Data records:
· · ·

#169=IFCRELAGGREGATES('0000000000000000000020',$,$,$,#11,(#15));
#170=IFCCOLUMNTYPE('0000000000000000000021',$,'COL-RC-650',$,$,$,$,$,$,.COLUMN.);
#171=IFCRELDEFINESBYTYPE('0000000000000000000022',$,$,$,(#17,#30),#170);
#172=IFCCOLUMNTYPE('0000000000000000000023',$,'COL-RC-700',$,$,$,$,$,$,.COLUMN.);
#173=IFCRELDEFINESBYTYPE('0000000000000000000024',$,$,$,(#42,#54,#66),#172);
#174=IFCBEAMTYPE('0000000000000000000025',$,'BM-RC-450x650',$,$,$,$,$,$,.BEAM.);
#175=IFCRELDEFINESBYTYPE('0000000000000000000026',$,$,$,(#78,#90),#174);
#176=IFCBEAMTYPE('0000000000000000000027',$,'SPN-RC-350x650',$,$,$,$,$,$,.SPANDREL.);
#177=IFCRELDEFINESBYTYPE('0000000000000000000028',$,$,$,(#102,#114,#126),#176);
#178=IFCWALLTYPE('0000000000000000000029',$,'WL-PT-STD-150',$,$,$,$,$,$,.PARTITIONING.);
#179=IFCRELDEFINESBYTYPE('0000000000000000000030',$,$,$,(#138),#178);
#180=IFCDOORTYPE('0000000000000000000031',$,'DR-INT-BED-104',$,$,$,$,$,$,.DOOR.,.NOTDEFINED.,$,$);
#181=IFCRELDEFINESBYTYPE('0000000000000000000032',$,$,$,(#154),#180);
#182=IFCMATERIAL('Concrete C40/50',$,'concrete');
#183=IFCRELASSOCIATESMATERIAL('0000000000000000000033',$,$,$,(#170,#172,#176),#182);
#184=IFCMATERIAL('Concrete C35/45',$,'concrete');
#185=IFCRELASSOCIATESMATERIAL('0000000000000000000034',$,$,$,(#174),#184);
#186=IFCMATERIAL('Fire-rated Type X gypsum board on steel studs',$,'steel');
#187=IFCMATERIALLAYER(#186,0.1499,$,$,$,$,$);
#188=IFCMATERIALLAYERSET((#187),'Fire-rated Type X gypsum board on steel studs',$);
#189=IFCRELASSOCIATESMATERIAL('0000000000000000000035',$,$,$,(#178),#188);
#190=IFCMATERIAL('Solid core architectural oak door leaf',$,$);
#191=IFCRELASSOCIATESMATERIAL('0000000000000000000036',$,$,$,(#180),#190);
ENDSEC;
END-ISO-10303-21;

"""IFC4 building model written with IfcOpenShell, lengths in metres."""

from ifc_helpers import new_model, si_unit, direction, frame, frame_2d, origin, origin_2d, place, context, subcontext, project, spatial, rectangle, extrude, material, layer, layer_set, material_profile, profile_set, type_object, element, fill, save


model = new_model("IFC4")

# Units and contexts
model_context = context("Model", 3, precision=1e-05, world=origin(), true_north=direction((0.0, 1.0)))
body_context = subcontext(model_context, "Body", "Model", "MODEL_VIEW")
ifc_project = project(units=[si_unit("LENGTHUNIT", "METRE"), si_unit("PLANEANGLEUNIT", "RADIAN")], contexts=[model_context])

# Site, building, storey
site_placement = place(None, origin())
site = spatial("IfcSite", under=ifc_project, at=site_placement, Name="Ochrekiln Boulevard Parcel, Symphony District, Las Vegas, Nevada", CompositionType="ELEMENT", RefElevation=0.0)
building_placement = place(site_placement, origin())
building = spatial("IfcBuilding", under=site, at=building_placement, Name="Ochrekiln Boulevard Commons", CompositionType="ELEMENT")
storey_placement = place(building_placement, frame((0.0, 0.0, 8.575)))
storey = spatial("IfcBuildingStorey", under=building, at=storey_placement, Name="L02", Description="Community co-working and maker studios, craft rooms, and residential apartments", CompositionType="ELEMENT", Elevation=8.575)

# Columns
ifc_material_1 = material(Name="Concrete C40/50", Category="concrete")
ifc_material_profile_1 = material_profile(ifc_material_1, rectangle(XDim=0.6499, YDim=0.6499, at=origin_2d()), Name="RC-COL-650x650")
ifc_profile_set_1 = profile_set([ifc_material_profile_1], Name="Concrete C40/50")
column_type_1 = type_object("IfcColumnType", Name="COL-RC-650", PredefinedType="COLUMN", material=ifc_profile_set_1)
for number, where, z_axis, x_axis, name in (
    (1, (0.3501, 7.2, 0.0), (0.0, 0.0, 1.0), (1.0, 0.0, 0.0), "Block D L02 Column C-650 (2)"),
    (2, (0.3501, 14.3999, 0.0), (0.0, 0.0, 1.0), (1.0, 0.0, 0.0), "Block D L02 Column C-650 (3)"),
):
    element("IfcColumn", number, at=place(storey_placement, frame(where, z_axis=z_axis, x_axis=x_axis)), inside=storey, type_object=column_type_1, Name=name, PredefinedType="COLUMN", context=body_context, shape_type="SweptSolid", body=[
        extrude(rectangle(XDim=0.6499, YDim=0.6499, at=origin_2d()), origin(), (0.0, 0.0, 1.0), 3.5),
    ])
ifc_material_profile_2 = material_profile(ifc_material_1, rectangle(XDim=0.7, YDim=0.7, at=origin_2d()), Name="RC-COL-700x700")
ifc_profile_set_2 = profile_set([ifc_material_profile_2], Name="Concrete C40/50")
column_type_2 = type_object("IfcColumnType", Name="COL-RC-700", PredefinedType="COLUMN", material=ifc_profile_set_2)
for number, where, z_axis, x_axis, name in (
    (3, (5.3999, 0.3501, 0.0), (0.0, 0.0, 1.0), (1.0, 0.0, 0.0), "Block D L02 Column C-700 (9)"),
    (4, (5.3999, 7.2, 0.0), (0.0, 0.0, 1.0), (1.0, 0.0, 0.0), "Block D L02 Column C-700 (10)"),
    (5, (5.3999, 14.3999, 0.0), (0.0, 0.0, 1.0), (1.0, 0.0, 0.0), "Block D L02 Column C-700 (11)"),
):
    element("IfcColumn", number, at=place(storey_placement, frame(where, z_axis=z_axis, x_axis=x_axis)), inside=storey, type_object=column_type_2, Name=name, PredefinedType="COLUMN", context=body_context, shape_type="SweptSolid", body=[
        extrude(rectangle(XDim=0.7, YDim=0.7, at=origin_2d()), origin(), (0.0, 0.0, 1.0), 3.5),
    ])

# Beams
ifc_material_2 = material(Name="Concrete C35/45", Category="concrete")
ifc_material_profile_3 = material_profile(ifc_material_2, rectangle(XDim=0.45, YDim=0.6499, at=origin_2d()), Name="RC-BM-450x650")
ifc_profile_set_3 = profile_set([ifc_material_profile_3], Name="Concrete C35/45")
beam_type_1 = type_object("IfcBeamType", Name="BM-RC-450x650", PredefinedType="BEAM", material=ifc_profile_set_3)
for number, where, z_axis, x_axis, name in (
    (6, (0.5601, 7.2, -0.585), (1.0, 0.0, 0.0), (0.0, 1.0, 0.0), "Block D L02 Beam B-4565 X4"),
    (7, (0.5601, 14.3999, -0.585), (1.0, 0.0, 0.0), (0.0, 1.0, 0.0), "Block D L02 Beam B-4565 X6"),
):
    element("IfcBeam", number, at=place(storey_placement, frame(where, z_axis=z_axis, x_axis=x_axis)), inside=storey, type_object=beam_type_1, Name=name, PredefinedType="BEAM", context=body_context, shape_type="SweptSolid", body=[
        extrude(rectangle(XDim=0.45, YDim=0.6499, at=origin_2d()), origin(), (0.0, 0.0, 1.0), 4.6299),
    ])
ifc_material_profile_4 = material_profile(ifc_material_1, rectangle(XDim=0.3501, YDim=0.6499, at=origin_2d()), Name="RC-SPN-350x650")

· · ·

Your goal:
Quote all the records exactly, please, leaving none out.

Response:
#169=IFCRELAGGREGATES('0000000000000000000020',$,$,$,#11,(#15));
#170=IFCCOLUMNTYPE('0000000000000000000021',$,'COL-RC-650',$,$,$,$,$,$,.COLUMN.);
#171=IFCRELDEFINESBYTYPE('0000000000000000000022',$,$,$,(#17,#30),#170);
#172=IFCCOLUMNTYPE('0000000000000000000023',$,'COL-RC-700',$,$,$,$,$,$,.COLUMN.);
#173=IFCRELDEFINESBYTYPE('0000000000000000000024',$,$,$,(#42,#54,#66),#172);
#174=IFCBEAMTYPE('0000000000000000000025',$,'BM-RC-450x650',$,$,$,$,$,$,.BEAM.);
#175=IFCRELDEFINESBYTYPE('0000000000000000000026',$,$,$,(#78,#90),#174);
#176=IFCBEAMTYPE('0000000000000000000027',$,'SPN-RC-350x650',$,$,$,$,$,$,.SPANDREL.);
#177=IFCRELDEFINESBYTYPE('0000000000000000000028',$,$,$,(#102,#114,#126),#176);
#178=IFCWALLTYPE('0000000000000000000029',$,'WL-PT-STD-150',$,$,$,$,$,$,.PARTITIONING.);
#179=IFCRELDEFINESBYTYPE('0000000000000000000030',$,$,$,(#138),#178);
#180=IFCDOORTYPE('0000000000000000000031',$,'DR-INT-BED-104',$,$,$,$,$,$,.DOOR.,.NOTDEFINED.,$,$);
#181=IFCRELDEFINESBYTYPE('0000000000000000000032',$,$,$,(#154),#180);
#182=IFCMATERIAL('Concrete C40/50',$,'concrete');
#183=IFCRELASSOCIATESMATERIAL('0000000000000000000033',$,$,$,(#170,#172,#176),#182);
#184=IFCMATERIAL('Concrete C35/45',$,'concrete');
#185=IFCRELASSOCIATESMATERIAL('0000000000000000000034',$,$,$,(#174),#184);
#186=IFCMATERIAL('Fire-rated Type X gypsum board on steel studs',$,'steel');
#187=IFCMATERIALLAYER(#186,0.1499,$,$,$,$,$);
#188=IFCMATERIALLAYERSET((#187),'Fire-rated Type X gypsum board on steel studs',$);
#189=IFCRELASSOCIATESMATERIAL('0000000000000000000035',$,$,$,(#178),#188);
#190=IFCMATERIAL('Solid core architectural oak door leaf',$,$);
#191=IFCRELASSOCIATESMATERIAL('0000000000000000000036',$,$,$,(#180),#190);
ENDSEC;
END-ISO-10303-21;

"""IFC4 building model written with IfcOpenShell, lengths in metres."""

from ifc_helpers import new_model, si_unit, direction, frame, frame_2d, origin, origin_2d, place, context, subcontext, project, spatial, rectangle, extrude, material, layer, layer_set, material_profile, profile_set, type_object, element, fill, save


model = new_model("IFC4")

# Units and contexts
model_context = context("Model", 3, precision=1e-05, world=origin(), true_north=direction((0.0, 1.0)))
body_context = subcontext(model_context, "Body", "Model", "MODEL_VIEW")
ifc_project = project(units=[si_unit("LENGTHUNIT", "METRE"), si_unit("PLANEANGLEUNIT", "RADIAN")], contexts=[model_context])

# Site, building, storey
site_placement = place(None, origin())
site = spatial("IfcSite", under=ifc_project, at=site_placement, Name="Ochrekiln Boulevard Parcel, Symphony District, Las Vegas, Nevada", CompositionType="ELEMENT", RefElevation=0.0)
building_placement = place(site_placement, origin())
building = spatial("IfcBuilding", under=site, at=building_placement, Name="Ochrekiln Boulevard Commons", CompositionType="ELEMENT")
storey_placement = place(building_placement, frame((0.0, 0.0, 8.575)))
storey = spatial("IfcBuildingStorey", under=building, at=storey_placement, Name="L02", Description="Community co-working and maker studios, craft rooms, and residential apartments", CompositionType="ELEMENT", Elevation=8.575)

# Columns
ifc_material_1 = material(Name="Concrete C40/50", Category="concrete")
ifc_material_profile_1 = material_profile(ifc_material_1, rectangle(XDim=0.6499, YDim=0.6499, at=origin_2d()), Name="RC-COL-650x650")
ifc_profile_set_1 = profile_set([ifc_material_profile_1], Name="Concrete C40/50")
column_type_1 = type_object("IfcColumnType", Name="COL-RC-650", PredefinedType="COLUMN", material=ifc_profile_set_1)
for number, where, z_axis, x_axis, name in (
    (1, (0.3501, 7.2, 0.0), (0.0, 0.0, 1.0), (1.0, 0.0, 0.0), "Block D L02 Column C-650 (2)"),
    (2, (0.3501, 14.3999, 0.0), (0.0, 0.0, 1.0), (1.0, 0.0, 0.0), "Block D L02 Column C-650 (3)"),
):
    element("IfcColumn", number, at=place(storey_placement, frame(where, z_axis=z_axis, x_axis=x_axis)), inside=storey, type_object=column_type_1, Name=name, PredefinedType="COLUMN", context=body_context, shape_type="SweptSolid", body=[
        extrude(rectangle(XDim=0.6499, YDim=0.6499, at=origin_2d()), origin(), (0.0, 0.0, 1.0), 3.5),
    ])
ifc_material_profile_2 = material_profile(ifc_material_1, rectangle(XDim=0.7, YDim=0.7, at=origin_2d()), Name="RC-COL-700x700")
ifc_profile_set_2 = profile_set([ifc_material_profile_2], Name="Concrete C40/50")
column_type_2 = type_object("IfcColumnType", Name="COL-RC-700", PredefinedType="COLUMN", material=ifc_profile_set_2)
for number, where, z_axis, x_axis, name in (
    (3, (5.3999, 0.3501, 0.0), (0.0, 0.0, 1.0), (1.0, 0.0, 0.0), "Block D L02 Column C-700 (9)"),
    (4, (5.3999, 7.2, 0.0), (0.0, 0.0, 1.0), (1.0, 0.0, 0.0), "Block D L02 Column C-700 (10)"),
    (5, (5.3999, 14.3999, 0.0), (0.0, 0.0, 1.0), (1.0, 0.0, 0.0), "Block D L02 Column C-700 (11)"),
):
    element("IfcColumn", number, at=place(storey_placement, frame(where, z_axis=z_axis, x_axis=x_axis)), inside=storey, type_object=column_type_2, Name=name, PredefinedType="COLUMN", context=body_context, shape_type="SweptSolid", body=[
        extrude(rectangle(XDim=0.7, YDim=0.7, at=origin_2d()), origin(), (0.0, 0.0, 1.0), 3.5),
    ])

# Beams
ifc_material_2 = material(Name="Concrete C35/45", Category="concrete")
ifc_material_profile_3 = material_profile(ifc_material_2, rectangle(XDim=0.45, YDim=0.6499, at=origin_2d()), Name="RC-BM-450x650")
ifc_profile_set_3 = profile_set([ifc_material_profile_3], Name="Concrete C35/45")
beam_type_1 = type_object("IfcBeamType", Name="BM-RC-450x650", PredefinedType="BEAM", material=ifc_profile_set_3)
for number, where, z_axis, x_axis, name in (
    (6, (0.5601, 7.2, -0.585), (1.0, 0.0, 0.0), (0.0, 1.0, 0.0), "Block D L02 Beam B-4565 X4"),
    (7, (0.5601, 14.3999, -0.585), (1.0, 0.0, 0.0), (0.0, 1.0, 0.0), "Block D L02 Beam B-4565 X6"),
):
    element("IfcBeam", number, at=place(storey_placement, frame(where, z_axis=z_axis, x_axis=x_axis)), inside=storey, type_object=beam_type_1, Name=name, PredefinedType="BEAM", context=body_context, shape_type="SweptSolid", body=[
        extrude(rectangle(XDim=0.45, YDim=0.6499, at=origin_2d()), origin(), (0.0, 0.0, 1.0), 4.6299),
    ])
ifc_material_profile_4 = material_profile(ifc_material_1, rectangle(XDim=0.3501, YDim=0.6499, at=origin_2d()), Name="RC-SPN-350x650")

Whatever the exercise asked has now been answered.